[Records from a dataset]
──────────────────────────────

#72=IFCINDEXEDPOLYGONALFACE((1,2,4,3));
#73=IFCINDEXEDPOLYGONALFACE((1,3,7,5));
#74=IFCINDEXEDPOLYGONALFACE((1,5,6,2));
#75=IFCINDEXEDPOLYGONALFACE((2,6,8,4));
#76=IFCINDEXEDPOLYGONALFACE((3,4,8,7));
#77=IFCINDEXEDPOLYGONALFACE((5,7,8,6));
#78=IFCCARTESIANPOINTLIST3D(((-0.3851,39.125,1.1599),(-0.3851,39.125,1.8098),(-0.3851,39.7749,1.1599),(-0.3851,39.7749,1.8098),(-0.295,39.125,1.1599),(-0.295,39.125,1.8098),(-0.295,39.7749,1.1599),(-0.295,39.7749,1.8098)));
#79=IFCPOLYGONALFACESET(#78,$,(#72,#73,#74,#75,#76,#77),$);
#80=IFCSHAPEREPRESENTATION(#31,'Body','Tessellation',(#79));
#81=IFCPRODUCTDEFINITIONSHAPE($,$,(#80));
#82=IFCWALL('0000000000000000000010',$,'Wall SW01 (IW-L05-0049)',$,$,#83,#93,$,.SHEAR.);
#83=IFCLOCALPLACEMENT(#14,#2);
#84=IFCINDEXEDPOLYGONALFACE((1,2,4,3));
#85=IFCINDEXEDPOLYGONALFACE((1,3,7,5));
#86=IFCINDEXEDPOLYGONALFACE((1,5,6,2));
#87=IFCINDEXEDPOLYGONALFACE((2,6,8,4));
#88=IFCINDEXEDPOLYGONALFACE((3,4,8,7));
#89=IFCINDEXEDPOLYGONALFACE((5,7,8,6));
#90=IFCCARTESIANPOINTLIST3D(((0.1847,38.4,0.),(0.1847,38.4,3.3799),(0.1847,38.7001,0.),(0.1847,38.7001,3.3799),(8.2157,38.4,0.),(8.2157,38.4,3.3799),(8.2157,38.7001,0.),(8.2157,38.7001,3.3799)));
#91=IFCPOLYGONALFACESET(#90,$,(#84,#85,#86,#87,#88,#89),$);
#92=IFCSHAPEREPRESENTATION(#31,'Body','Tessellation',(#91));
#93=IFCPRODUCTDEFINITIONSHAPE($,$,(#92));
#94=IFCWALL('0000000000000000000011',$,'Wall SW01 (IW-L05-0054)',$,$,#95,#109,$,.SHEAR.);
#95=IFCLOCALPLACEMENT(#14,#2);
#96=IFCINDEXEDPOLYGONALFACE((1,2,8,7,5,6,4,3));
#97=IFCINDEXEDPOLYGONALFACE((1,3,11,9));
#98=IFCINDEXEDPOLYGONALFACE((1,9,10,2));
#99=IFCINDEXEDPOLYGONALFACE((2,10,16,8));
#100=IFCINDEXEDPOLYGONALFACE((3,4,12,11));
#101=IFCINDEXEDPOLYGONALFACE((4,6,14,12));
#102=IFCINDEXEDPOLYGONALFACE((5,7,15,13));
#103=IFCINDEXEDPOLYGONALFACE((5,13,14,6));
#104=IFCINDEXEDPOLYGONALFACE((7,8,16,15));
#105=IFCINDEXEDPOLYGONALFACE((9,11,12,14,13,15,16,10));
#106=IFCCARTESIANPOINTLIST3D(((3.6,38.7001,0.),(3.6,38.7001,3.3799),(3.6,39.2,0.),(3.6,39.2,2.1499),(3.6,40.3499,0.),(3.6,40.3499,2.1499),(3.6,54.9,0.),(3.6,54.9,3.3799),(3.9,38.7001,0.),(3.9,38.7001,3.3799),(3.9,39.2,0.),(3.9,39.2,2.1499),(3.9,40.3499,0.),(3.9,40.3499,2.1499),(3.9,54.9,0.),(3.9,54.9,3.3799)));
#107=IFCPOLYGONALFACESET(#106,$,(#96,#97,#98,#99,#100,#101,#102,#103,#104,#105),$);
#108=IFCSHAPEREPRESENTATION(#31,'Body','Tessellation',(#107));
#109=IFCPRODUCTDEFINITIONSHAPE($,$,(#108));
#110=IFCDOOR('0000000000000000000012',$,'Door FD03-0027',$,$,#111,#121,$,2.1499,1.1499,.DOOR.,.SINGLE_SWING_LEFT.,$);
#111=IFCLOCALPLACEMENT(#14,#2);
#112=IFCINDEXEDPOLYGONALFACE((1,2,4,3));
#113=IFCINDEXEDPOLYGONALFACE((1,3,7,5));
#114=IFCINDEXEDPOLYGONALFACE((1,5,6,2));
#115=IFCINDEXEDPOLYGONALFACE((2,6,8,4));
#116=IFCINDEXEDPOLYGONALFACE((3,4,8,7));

──────────────────────────────

▶ _WHAT YOU NEED TO DO_
May I have exactly the lines from the one containing "#114=IFCINDEXEDPOLYGONALFACE((1,5,6,2));" through the last line of the data, both included?

▶ _EXERCISE SOLUTION_
#114=IFCINDEXEDPOLYGONALFACE((1,5,6,2));
#115=IFCINDEXEDPOLYGONALFACE((2,6,8,4));
#116=IFCINDEXEDPOLYGONALFACE((3,4,8,7));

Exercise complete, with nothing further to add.